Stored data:
********

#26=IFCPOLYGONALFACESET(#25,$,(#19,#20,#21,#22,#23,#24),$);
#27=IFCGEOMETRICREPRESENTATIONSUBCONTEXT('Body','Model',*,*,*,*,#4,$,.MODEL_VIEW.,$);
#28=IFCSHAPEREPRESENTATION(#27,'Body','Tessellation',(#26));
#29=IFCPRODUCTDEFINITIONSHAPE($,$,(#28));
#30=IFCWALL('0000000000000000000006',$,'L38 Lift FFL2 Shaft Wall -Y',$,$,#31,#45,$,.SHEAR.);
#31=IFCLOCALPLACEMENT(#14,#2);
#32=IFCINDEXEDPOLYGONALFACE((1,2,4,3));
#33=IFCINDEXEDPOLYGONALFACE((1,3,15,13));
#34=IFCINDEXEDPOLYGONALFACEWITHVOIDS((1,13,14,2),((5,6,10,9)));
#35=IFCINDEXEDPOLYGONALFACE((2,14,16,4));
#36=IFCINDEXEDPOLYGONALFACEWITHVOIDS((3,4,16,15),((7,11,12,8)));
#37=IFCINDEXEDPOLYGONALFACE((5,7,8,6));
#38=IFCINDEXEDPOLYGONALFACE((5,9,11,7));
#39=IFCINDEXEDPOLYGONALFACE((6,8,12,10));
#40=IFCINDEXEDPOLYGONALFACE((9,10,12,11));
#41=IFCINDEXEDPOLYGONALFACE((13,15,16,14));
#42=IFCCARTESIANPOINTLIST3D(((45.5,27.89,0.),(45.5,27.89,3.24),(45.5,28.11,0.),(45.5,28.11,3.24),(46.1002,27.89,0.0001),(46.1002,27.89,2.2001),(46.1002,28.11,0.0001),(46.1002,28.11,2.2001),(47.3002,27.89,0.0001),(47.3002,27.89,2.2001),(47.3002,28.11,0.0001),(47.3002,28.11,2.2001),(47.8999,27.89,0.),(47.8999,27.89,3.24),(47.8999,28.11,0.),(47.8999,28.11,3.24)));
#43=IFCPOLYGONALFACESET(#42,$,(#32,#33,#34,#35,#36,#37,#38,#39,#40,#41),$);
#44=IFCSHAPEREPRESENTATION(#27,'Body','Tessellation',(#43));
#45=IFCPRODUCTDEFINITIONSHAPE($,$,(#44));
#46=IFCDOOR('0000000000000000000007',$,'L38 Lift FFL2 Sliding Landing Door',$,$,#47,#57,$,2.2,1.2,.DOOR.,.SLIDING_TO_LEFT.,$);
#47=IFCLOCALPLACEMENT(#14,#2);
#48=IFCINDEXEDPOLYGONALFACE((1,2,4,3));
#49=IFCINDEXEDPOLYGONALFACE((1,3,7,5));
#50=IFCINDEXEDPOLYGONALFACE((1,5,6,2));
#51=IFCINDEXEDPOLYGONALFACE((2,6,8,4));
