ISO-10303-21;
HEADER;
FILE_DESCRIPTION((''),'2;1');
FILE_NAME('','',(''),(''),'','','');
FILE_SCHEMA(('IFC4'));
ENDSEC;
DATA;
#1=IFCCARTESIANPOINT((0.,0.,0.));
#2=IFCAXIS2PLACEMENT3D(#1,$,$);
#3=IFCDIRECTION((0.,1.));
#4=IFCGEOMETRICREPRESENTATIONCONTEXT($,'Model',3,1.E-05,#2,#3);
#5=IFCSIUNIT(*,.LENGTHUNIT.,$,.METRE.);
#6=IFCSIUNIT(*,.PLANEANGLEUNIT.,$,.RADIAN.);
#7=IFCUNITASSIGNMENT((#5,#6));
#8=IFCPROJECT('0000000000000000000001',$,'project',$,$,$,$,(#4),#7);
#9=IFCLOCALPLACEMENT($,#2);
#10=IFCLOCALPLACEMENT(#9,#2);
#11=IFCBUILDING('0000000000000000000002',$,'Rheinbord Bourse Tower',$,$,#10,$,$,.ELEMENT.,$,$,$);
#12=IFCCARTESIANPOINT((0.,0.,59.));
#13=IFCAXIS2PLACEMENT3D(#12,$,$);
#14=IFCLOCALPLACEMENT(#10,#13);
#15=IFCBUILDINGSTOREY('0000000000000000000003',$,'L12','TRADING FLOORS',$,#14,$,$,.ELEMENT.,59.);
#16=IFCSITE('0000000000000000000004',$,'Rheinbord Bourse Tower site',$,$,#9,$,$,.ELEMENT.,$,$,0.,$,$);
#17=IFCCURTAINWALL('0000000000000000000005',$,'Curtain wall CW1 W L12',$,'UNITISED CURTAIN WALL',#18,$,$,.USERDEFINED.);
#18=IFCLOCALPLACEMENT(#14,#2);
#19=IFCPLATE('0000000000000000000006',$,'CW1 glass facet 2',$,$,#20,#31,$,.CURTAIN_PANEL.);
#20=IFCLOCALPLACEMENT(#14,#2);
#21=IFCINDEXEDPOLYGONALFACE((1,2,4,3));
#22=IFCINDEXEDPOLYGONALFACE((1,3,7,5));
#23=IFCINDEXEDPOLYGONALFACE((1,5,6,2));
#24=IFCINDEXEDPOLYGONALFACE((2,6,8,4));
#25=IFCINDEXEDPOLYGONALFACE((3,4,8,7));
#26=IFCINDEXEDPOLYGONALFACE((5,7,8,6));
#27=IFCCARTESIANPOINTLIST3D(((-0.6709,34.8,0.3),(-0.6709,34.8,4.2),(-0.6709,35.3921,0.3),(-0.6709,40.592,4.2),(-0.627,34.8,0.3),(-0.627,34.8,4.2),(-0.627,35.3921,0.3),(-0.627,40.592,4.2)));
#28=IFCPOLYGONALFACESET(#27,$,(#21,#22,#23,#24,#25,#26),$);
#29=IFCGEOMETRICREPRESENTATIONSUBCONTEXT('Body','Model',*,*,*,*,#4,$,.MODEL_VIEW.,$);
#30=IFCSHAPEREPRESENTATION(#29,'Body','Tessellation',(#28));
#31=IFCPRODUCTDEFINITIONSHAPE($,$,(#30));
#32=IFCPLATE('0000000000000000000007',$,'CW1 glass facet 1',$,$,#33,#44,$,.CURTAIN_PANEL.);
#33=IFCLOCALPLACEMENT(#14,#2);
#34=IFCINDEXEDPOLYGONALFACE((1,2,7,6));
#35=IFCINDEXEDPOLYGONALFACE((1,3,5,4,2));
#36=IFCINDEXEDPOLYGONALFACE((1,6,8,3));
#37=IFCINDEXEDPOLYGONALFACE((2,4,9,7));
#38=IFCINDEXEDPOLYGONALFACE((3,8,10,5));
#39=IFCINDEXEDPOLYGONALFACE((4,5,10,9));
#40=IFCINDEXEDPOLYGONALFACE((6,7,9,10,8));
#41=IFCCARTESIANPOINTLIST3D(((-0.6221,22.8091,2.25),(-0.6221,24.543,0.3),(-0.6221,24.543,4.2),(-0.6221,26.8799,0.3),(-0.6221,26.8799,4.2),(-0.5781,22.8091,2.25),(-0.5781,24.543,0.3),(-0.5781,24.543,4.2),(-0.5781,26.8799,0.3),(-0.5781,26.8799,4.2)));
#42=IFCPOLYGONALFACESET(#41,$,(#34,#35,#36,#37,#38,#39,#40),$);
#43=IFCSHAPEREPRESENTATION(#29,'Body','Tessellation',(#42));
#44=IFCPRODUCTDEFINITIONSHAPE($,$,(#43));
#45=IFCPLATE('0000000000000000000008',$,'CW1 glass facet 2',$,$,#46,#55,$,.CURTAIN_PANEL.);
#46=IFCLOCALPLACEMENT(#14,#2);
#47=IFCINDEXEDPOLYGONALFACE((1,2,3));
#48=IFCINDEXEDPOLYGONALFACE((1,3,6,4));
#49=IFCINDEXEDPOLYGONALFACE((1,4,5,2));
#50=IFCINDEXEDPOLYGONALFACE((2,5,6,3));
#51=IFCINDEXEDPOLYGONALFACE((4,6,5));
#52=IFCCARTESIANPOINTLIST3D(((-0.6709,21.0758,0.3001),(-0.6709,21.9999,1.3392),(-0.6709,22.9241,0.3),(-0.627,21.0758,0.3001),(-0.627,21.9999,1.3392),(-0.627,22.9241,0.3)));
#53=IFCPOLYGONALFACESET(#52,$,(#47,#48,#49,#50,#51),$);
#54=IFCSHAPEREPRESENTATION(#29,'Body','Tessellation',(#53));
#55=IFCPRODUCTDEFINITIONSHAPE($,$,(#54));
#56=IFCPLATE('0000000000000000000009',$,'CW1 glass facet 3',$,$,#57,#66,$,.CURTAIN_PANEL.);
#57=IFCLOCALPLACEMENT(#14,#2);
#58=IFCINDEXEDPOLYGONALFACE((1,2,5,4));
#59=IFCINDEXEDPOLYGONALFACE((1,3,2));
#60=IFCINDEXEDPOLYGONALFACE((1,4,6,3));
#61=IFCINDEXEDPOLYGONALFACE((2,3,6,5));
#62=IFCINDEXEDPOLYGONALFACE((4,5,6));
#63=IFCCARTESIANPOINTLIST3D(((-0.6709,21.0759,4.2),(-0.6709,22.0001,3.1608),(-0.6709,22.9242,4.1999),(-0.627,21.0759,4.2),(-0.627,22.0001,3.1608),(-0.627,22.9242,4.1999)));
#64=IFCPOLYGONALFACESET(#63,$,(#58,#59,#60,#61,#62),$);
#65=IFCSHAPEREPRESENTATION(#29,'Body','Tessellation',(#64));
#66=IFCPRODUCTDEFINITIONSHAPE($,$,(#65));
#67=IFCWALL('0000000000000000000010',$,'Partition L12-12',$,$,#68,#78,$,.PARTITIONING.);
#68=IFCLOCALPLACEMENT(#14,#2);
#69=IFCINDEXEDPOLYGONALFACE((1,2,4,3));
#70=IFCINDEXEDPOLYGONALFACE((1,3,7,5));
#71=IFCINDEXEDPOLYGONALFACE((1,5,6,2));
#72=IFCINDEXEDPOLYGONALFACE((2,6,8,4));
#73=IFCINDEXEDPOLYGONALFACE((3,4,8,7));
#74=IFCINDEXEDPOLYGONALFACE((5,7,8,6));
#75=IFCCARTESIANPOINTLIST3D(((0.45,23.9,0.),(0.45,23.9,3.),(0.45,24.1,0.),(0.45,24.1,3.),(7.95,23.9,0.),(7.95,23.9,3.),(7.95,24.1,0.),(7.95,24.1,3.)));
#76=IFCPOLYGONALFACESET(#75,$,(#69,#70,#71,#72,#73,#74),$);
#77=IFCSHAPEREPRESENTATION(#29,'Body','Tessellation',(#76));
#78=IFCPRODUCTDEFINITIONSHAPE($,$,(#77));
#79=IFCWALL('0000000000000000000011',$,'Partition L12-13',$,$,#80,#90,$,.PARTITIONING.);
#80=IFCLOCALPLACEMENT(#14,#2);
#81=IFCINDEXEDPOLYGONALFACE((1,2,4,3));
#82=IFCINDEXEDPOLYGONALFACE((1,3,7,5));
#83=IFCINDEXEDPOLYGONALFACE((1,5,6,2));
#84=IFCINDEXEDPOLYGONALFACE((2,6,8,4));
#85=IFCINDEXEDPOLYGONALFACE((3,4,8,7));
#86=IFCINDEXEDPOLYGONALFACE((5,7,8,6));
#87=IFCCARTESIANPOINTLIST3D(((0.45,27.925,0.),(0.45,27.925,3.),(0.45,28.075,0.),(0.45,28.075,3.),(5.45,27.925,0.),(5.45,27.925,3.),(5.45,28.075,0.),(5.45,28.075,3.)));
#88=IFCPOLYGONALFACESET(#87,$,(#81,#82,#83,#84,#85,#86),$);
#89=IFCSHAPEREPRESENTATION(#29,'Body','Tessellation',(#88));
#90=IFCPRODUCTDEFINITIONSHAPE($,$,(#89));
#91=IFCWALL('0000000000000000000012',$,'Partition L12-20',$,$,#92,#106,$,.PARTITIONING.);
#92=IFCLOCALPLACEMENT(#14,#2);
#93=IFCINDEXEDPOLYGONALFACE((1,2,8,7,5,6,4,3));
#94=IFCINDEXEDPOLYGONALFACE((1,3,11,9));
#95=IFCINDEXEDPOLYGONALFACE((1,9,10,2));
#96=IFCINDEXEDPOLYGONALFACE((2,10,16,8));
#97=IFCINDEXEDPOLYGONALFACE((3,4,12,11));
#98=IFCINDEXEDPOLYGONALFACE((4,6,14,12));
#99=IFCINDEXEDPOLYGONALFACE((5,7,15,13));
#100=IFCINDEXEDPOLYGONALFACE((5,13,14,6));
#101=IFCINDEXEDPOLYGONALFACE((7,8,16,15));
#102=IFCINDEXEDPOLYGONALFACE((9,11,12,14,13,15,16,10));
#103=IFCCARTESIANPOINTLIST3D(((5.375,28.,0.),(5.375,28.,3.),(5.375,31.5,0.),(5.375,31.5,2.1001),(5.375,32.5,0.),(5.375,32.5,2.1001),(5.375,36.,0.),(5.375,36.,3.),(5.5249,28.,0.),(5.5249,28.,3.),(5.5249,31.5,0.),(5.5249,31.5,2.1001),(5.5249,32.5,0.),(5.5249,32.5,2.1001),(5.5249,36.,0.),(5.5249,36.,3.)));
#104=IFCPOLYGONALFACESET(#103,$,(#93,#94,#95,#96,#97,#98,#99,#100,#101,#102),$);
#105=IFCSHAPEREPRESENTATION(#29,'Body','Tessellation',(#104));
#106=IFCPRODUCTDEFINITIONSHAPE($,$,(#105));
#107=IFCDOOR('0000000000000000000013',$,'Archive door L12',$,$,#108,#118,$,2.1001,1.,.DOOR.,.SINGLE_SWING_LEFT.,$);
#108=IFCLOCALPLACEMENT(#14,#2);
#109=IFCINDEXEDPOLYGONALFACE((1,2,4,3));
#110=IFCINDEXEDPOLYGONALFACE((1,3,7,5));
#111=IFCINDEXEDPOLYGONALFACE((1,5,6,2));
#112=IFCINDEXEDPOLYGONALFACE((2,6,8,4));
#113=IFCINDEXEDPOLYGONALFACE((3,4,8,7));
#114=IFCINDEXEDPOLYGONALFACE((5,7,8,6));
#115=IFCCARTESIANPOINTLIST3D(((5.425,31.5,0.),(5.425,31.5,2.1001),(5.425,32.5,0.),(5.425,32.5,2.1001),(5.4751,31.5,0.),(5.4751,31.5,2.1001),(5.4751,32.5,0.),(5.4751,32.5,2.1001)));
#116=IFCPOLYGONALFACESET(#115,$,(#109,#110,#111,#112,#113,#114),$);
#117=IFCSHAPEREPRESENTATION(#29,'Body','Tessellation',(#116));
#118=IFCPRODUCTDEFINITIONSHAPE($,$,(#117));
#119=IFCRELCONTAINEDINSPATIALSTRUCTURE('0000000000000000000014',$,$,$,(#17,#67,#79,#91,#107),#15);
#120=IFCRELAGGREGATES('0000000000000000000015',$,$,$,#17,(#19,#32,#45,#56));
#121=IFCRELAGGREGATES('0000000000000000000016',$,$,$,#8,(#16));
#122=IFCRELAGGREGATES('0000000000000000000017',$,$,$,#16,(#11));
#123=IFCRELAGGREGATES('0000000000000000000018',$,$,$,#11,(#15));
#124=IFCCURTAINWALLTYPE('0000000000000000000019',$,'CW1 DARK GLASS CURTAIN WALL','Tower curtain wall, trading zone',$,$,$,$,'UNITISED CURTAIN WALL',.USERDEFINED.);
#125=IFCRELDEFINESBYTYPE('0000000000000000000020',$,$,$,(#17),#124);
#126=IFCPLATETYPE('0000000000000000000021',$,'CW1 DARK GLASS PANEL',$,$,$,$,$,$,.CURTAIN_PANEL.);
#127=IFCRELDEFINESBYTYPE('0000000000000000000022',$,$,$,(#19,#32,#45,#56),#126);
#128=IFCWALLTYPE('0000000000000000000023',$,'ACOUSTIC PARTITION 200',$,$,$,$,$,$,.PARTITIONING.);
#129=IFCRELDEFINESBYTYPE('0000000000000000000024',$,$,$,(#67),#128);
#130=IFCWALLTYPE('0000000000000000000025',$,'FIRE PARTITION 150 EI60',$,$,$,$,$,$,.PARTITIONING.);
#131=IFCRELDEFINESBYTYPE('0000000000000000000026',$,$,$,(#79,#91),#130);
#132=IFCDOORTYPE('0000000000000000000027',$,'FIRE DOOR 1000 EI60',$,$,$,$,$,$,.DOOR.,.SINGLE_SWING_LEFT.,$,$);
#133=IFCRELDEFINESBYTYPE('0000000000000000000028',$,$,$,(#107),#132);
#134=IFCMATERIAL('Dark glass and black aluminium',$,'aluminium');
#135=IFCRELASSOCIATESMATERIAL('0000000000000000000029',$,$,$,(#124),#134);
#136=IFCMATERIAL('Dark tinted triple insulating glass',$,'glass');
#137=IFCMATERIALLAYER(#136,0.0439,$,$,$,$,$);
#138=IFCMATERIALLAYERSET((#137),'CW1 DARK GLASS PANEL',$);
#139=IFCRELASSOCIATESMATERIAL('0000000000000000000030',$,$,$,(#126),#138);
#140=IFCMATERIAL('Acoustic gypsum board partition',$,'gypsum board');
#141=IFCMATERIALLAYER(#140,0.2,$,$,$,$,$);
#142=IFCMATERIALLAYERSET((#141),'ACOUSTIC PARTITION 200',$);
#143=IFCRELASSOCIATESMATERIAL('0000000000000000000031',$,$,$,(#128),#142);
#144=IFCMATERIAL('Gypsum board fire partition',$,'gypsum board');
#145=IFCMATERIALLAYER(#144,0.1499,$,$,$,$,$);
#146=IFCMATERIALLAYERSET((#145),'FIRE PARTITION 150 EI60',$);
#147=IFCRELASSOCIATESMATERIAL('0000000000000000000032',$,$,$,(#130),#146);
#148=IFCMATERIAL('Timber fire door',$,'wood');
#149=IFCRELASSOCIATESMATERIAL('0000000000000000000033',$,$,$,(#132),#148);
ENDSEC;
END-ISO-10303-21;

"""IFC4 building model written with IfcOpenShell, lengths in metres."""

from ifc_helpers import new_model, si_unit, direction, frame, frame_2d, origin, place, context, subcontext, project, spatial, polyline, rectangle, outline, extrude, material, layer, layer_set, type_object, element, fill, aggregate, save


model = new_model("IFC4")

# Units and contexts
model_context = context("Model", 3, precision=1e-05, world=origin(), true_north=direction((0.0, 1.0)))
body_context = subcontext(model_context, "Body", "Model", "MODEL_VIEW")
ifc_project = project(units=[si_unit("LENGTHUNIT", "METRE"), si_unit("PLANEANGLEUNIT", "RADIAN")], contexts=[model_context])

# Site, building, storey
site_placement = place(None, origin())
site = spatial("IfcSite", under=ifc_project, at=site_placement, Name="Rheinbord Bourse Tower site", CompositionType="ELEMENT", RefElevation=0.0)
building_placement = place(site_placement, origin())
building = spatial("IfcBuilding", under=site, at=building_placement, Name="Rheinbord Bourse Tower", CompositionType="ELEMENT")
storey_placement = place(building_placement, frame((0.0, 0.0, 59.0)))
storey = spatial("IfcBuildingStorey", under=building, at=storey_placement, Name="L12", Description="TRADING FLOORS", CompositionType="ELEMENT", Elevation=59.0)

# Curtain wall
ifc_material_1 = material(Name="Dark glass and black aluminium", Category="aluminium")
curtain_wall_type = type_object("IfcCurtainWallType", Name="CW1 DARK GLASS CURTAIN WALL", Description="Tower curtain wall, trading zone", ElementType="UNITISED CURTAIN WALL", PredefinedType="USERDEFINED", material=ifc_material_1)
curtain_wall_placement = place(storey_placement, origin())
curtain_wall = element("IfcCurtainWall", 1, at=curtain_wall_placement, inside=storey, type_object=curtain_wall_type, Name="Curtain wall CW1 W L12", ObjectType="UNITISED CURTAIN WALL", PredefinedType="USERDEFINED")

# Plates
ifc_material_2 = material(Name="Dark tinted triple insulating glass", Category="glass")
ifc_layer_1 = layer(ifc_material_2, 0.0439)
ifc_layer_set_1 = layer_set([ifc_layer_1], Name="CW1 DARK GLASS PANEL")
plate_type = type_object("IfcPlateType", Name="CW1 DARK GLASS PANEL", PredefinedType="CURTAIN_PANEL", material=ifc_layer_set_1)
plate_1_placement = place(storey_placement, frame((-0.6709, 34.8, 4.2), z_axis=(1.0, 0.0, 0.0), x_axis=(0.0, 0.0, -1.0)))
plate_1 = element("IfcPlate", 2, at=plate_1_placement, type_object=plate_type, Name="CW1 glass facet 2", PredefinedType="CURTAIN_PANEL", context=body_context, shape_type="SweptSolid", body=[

********

*TASK STATEMENT*
Scan the data above for the string "IFCSHAPEREPRESENTATION" and copy each line where it appears.

*WORKED SOLUTION*
#28=IFCSHAPEREPRESENTATION(#27,'Body','Tessellation',(#26));
#44=IFCSHAPEREPRESENTATION(#27,'Body','Tessellation',(#43));
#30=IFCSHAPEREPRESENTATION(#29,'Body','Tessellation',(#28));
#43=IFCSHAPEREPRESENTATION(#29,'Body','Tessellation',(#42));
#54=IFCSHAPEREPRESENTATION(#29,'Body','Tessellation',(#53));
#65=IFCSHAPEREPRESENTATION(#29,'Body','Tessellation',(#64));
#77=IFCSHAPEREPRESENTATION(#29,'Body','Tessellation',(#76));
#89=IFCSHAPEREPRESENTATION(#29,'Body','Tessellation',(#88));
#105=IFCSHAPEREPRESENTATION(#29,'Body','Tessellation',(#104));
#117=IFCSHAPEREPRESENTATION(#29,'Body','Tessellation',(#116));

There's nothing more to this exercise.